### Aim of the exercise:
Transcribe the data below verbatim from the line with "#26=IFCPOLYGONALFACESET(#25,$,(#19,#20,#21,#22,#23,#24),$);" to the line with "#57=IFCRELAGGREGATES('0000000000000000000011',$,$,$,#11,(#15));". Include both of those lines.

[Start of section]

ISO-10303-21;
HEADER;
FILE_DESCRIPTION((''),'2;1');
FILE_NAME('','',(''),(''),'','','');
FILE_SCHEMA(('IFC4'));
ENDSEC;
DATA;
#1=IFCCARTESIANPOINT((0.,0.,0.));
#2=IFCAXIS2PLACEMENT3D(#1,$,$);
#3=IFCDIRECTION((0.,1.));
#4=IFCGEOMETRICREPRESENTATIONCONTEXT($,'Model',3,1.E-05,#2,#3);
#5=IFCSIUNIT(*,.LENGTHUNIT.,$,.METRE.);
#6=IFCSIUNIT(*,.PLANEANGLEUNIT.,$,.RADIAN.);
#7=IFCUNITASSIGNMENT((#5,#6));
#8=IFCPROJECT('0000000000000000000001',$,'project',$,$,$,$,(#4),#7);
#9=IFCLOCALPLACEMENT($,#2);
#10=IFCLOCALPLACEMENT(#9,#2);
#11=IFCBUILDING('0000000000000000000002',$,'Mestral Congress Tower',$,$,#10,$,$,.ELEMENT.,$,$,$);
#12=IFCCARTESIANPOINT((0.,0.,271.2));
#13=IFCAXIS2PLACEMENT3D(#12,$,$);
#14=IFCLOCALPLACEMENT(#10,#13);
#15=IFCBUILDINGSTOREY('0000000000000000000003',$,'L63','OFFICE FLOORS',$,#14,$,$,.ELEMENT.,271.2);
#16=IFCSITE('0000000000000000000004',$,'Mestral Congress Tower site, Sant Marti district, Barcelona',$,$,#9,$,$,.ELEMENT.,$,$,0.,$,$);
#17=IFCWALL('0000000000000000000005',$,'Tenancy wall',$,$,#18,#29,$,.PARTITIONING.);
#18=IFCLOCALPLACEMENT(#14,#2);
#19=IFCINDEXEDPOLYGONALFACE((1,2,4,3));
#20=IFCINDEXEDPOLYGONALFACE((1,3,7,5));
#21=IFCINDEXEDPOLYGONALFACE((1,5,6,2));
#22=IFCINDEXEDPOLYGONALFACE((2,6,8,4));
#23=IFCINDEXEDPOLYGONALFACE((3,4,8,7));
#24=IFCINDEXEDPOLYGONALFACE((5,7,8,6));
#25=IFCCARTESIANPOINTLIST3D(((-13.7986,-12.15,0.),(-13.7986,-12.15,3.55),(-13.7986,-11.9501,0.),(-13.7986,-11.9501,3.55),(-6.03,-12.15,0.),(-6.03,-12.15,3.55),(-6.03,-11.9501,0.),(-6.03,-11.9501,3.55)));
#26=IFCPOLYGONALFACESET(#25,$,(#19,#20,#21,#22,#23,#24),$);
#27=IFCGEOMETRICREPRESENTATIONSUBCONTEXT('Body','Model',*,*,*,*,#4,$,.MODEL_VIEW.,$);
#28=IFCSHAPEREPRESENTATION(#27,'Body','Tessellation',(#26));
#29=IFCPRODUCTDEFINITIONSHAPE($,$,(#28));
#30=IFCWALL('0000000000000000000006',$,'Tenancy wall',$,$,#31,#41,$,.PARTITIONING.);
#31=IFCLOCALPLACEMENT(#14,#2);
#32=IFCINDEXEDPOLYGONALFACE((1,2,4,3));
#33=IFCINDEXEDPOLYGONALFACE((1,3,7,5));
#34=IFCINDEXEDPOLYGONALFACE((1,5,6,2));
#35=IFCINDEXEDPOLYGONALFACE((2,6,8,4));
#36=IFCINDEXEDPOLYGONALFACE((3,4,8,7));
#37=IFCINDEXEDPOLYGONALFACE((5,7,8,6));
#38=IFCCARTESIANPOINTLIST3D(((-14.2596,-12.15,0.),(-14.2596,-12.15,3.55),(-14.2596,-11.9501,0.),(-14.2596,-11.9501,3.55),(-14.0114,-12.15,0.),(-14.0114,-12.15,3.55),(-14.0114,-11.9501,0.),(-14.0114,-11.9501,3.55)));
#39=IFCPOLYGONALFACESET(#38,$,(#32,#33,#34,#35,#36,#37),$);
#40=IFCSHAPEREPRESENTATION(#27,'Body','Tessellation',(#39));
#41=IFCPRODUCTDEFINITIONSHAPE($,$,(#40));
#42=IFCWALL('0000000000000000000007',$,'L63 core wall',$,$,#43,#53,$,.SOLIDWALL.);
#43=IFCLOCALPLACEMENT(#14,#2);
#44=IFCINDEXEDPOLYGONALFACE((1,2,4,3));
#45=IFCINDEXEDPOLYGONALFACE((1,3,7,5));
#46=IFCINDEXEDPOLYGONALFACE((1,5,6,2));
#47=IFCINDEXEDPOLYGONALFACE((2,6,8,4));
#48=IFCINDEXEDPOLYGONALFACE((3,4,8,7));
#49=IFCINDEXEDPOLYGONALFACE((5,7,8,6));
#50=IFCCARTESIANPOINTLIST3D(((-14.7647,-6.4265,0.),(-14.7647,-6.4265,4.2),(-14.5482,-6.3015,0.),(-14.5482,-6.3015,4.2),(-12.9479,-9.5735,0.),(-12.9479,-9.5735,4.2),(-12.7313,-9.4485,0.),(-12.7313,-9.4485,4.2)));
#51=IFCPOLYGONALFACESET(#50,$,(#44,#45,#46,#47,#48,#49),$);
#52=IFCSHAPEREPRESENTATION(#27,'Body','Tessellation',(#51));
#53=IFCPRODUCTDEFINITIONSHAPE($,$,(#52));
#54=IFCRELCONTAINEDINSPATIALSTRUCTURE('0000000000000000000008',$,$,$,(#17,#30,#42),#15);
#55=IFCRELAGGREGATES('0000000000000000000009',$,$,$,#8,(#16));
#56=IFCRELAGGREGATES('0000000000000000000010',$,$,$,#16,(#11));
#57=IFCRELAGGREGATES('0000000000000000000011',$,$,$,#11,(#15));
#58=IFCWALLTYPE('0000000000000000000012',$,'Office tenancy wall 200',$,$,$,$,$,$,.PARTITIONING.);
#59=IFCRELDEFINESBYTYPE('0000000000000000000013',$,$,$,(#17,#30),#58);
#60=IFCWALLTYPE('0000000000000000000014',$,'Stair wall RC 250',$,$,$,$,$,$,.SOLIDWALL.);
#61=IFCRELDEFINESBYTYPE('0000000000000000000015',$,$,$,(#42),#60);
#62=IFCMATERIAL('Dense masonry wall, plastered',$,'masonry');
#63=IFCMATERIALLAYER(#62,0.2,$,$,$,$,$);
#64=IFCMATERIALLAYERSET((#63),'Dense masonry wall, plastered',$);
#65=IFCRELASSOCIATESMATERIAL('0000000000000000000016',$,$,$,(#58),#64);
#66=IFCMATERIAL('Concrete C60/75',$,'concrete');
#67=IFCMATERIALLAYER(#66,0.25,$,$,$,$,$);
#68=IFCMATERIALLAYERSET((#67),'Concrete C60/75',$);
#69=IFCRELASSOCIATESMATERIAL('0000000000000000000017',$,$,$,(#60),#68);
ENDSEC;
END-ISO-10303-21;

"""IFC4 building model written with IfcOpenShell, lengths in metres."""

from ifc_helpers import new_model, si_unit, direction, frame, frame_2d, origin, place, context, subcontext, project, spatial, rectangle, extrude, material, layer, layer_set, type_object, element, save


model = new_model("IFC4")

# Units and contexts
model_context = context("Model", 3, precision=1e-05, world=origin(), true_north=direction((0.0, 1.0)))
body_context = subcontext(model_context, "Body", "Model", "MODEL_VIEW")
ifc_project = project(units=[si_unit("LENGTHUNIT", "METRE"), si_unit("PLANEANGLEUNIT", "RADIAN")], contexts=[model_context])

# Site, building, storey
site_placement = place(None, origin())
site = spatial("IfcSite", under=ifc_project, at=site_placement, Name="Mestral Congress Tower site, Sant Marti district, Barcelona", CompositionType="ELEMENT", RefElevation=0.0)
building_placement = place(site_placement, origin())
building = spatial("IfcBuilding", under=site, at=building_placement, Name="Mestral Congress Tower", CompositionType="ELEMENT")
storey_placement = place(building_placement, frame((0.0, 0.0, 271.2)))
storey = spatial("IfcBuildingStorey", under=building, at=storey_placement, Name="L63", Description="OFFICE FLOORS", CompositionType="ELEMENT", Elevation=271.2)

# Shared definitions
ifc_material_1 = material(Name="Concrete C60/75", Category="concrete")

# Walls
ifc_material_2 = material(Name="Dense masonry wall, plastered", Category="masonry")
ifc_layer_1 = layer(ifc_material_2, 0.2)
ifc_layer_set_1 = layer_set([ifc_layer_1], Name="Dense masonry wall, plastered")
wall_type_1 = type_object("IfcWallType", Name="Office tenancy wall 200", PredefinedType="PARTITIONING", material=ifc_layer_set_1)
wall_1_placement = place(storey_placement, frame((-13.7986, -12.05, 0.0), z_axis=(0.0, 0.0, 1.0), x_axis=(1.0, 0.0, 0.0)))
element("IfcWall", 1, at=wall_1_placement, inside=storey, type_object=wall_type_1, Name="Tenancy wall", PredefinedType="PARTITIONING", context=body_context, shape_type="SweptSolid", body=[
    extrude(rectangle(XDim=7.7686, YDim=0.2, at=frame_2d((3.8843, 0.0))), origin(), (0.0, 0.0, 1.0), 3.55),
])
wall_2_placement = place(storey_placement, frame((-14.2595, -12.05, 0.0), z_axis=(0.0, 0.0, 1.0), x_axis=(1.0, 0.0, 0.0)))
element("IfcWall", 2, at=wall_2_placement, inside=storey, type_object=wall_type_1, Name="Tenancy wall", PredefinedType="PARTITIONING", context=body_context, shape_type="SweptSolid", body=[
    extrude(rectangle(XDim=0.2483, YDim=0.2, at=frame_2d((0.124, 0.0))), origin(), (0.0, 0.0, 1.0), 3.55),
])
ifc_layer_2 = layer(ifc_material_1, 0.25)
ifc_layer_set_2 = layer_set([ifc_layer_2], Name="Concrete C60/75")
wall_type_2 = type_object("IfcWallType", Name="Stair wall RC 250", PredefinedType="SOLIDWALL", material=ifc_layer_set_2)
wall_3_placement = place(storey_placement, frame((-12.8396, -9.511, 0.0), z_axis=(0.0, 0.0, 1.0), x_axis=(-0.499998, 0.866027, 0.0)))
element("IfcWall", 3, at=wall_3_placement, inside=storey, type_object=wall_type_2, Name="L63 core wall", PredefinedType="SOLIDWALL", context=body_context, shape_type="SweptSolid", body=[
    extrude(rectangle(XDim=3.6338, YDim=0.25, at=frame_2d((1.8169, 0.0))), origin(), (0.0, 0.0, 1.0), 4.2),
])

save(model, "model.ifc")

[End of section]

### Your response:
#26=IFCPOLYGONALFACESET(#25,$,(#19,#20,#21,#22,#23,#24),$);
#27=IFCGEOMETRICREPRESENTATIONSUBCONTEXT('Body','Model',*,*,*,*,#4,$,.MODEL_VIEW.,$);
#28=IFCSHAPEREPRESENTATION(#27,'Body','Tessellation',(#26));
#29=IFCPRODUCTDEFINITIONSHAPE($,$,(#28));
#30=IFCWALL('0000000000000000000006',$,'Tenancy wall',$,$,#31,#41,$,.PARTITIONING.);
#31=IFCLOCALPLACEMENT(#14,#2);
#32=IFCINDEXEDPOLYGONALFACE((1,2,4,3));
#33=IFCINDEXEDPOLYGONALFACE((1,3,7,5));
#34=IFCINDEXEDPOLYGONALFACE((1,5,6,2));
#35=IFCINDEXEDPOLYGONALFACE((2,6,8,4));
#36=IFCINDEXEDPOLYGONALFACE((3,4,8,7));
#37=IFCINDEXEDPOLYGONALFACE((5,7,8,6));
#38=IFCCARTESIANPOINTLIST3D(((-14.2596,-12.15,0.),(-14.2596,-12.15,3.55),(-14.2596,-11.9501,0.),(-14.2596,-11.9501,3.55),(-14.0114,-12.15,0.),(-14.0114,-12.15,3.55),(-14.0114,-11.9501,0.),(-14.0114,-11.9501,3.55)));
#39=IFCPOLYGONALFACESET(#38,$,(#32,#33,#34,#35,#36,#37),$);
#40=IFCSHAPEREPRESENTATION(#27,'Body','Tessellation',(#39));
#41=IFCPRODUCTDEFINITIONSHAPE($,$,(#40));
#42=IFCWALL('0000000000000000000007',$,'L63 core wall',$,$,#43,#53,$,.SOLIDWALL.);
#43=IFCLOCALPLACEMENT(#14,#2);
#44=IFCINDEXEDPOLYGONALFACE((1,2,4,3));
#45=IFCINDEXEDPOLYGONALFACE((1,3,7,5));
#46=IFCINDEXEDPOLYGONALFACE((1,5,6,2));
#47=IFCINDEXEDPOLYGONALFACE((2,6,8,4));
#48=IFCINDEXEDPOLYGONALFACE((3,4,8,7));
#49=IFCINDEXEDPOLYGONALFACE((5,7,8,6));
#50=IFCCARTESIANPOINTLIST3D(((-14.7647,-6.4265,0.),(-14.7647,-6.4265,4.2),(-14.5482,-6.3015,0.),(-14.5482,-6.3015,4.2),(-12.9479,-9.5735,0.),(-12.9479,-9.5735,4.2),(-12.7313,-9.4485,0.),(-12.7313,-9.4485,4.2)));
#51=IFCPOLYGONALFACESET(#50,$,(#44,#45,#46,#47,#48,#49),$);
#52=IFCSHAPEREPRESENTATION(#27,'Body','Tessellation',(#51));
#53=IFCPRODUCTDEFINITIONSHAPE($,$,(#52));
#54=IFCRELCONTAINEDINSPATIALSTRUCTURE('0000000000000000000008',$,$,$,(#17,#30,#42),#15);
#55=IFCRELAGGREGATES('0000000000000000000009',$,$,$,#8,(#16));
#56=IFCRELAGGREGATES('0000000000000000000010',$,$,$,#16,(#11));
#57=IFCRELAGGREGATES('0000000000000000000011',$,$,$,#11,(#15));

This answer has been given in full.